Needed from the data below: every line from the one with "#97=IFCINDEXEDPOLYGONALFACE((43,47,48,44));" up to and including the one with "#109=IFCINDEXEDPOLYGONALFACE((69,71,72,70));", repeated exactly and with nothing else.

+++ Given records +++

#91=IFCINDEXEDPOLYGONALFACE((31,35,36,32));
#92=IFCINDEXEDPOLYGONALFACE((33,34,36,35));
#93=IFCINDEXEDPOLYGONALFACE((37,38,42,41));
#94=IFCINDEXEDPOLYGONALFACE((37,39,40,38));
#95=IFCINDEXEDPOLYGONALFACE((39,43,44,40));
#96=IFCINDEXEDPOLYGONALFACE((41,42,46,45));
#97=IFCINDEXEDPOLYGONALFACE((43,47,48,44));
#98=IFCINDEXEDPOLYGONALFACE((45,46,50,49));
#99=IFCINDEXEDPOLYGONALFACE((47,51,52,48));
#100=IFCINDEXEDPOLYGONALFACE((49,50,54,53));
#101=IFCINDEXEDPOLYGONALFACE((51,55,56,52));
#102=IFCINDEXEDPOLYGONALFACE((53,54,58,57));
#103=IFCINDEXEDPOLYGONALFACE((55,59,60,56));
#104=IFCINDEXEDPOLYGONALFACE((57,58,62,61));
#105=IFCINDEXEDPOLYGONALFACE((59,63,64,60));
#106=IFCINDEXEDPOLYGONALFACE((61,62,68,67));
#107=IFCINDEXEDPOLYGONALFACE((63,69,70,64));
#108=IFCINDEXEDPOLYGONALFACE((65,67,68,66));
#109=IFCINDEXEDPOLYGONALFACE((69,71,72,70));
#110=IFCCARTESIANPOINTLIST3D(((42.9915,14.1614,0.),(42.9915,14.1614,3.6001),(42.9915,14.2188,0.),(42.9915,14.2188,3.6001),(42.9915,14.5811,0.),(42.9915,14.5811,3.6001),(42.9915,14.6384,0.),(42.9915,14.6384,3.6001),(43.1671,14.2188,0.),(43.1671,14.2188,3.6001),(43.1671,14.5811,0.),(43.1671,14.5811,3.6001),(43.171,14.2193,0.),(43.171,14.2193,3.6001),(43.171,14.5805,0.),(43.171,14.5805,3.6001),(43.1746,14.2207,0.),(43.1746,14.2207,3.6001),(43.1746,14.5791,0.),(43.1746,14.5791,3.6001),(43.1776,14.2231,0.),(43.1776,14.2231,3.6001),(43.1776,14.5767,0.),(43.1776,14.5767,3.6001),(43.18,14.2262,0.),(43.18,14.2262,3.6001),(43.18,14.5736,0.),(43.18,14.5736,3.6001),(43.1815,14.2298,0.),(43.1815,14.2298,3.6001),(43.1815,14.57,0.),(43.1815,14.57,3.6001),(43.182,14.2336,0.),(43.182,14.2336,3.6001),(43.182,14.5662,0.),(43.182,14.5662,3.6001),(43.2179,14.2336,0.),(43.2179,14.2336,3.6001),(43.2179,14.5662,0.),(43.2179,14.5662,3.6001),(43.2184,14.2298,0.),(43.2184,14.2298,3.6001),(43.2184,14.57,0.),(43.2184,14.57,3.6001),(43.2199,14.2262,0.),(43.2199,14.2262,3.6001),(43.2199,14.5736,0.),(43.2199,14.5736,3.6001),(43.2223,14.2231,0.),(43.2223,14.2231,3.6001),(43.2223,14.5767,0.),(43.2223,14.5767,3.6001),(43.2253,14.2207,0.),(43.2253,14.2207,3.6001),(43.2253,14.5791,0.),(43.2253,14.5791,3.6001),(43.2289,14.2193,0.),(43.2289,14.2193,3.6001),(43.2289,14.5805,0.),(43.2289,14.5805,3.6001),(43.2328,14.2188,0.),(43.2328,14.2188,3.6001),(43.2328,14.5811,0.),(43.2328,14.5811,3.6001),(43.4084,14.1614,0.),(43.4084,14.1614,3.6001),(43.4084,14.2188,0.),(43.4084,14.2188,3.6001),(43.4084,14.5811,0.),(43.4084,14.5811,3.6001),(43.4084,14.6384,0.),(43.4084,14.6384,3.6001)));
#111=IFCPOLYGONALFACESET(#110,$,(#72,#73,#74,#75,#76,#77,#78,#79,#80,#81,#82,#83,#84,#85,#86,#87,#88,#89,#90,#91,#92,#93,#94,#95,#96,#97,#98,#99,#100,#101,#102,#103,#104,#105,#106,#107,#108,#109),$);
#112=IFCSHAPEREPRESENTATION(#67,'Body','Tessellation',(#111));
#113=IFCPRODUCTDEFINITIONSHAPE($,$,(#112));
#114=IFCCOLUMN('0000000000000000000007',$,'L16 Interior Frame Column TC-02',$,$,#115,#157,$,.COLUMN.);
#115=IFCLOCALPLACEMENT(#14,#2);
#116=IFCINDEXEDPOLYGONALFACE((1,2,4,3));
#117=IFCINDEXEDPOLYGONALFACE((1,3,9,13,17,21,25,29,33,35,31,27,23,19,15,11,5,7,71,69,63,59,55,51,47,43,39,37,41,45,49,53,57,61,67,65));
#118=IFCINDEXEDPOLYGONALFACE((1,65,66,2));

+++

# Reply:
#97=IFCINDEXEDPOLYGONALFACE((43,47,48,44));
#98=IFCINDEXEDPOLYGONALFACE((45,46,50,49));
#99=IFCINDEXEDPOLYGONALFACE((47,51,52,48));
#100=IFCINDEXEDPOLYGONALFACE((49,50,54,53));
#101=IFCINDEXEDPOLYGONALFACE((51,55,56,52));
#102=IFCINDEXEDPOLYGONALFACE((53,54,58,57));
#103=IFCINDEXEDPOLYGONALFACE((55,59,60,56));
#104=IFCINDEXEDPOLYGONALFACE((57,58,62,61));
#105=IFCINDEXEDPOLYGONALFACE((59,63,64,60));
#106=IFCINDEXEDPOLYGONALFACE((61,62,68,67));
#107=IFCINDEXEDPOLYGONALFACE((63,69,70,64));
#108=IFCINDEXEDPOLYGONALFACE((65,67,68,66));
#109=IFCINDEXEDPOLYGONALFACE((69,71,72,70));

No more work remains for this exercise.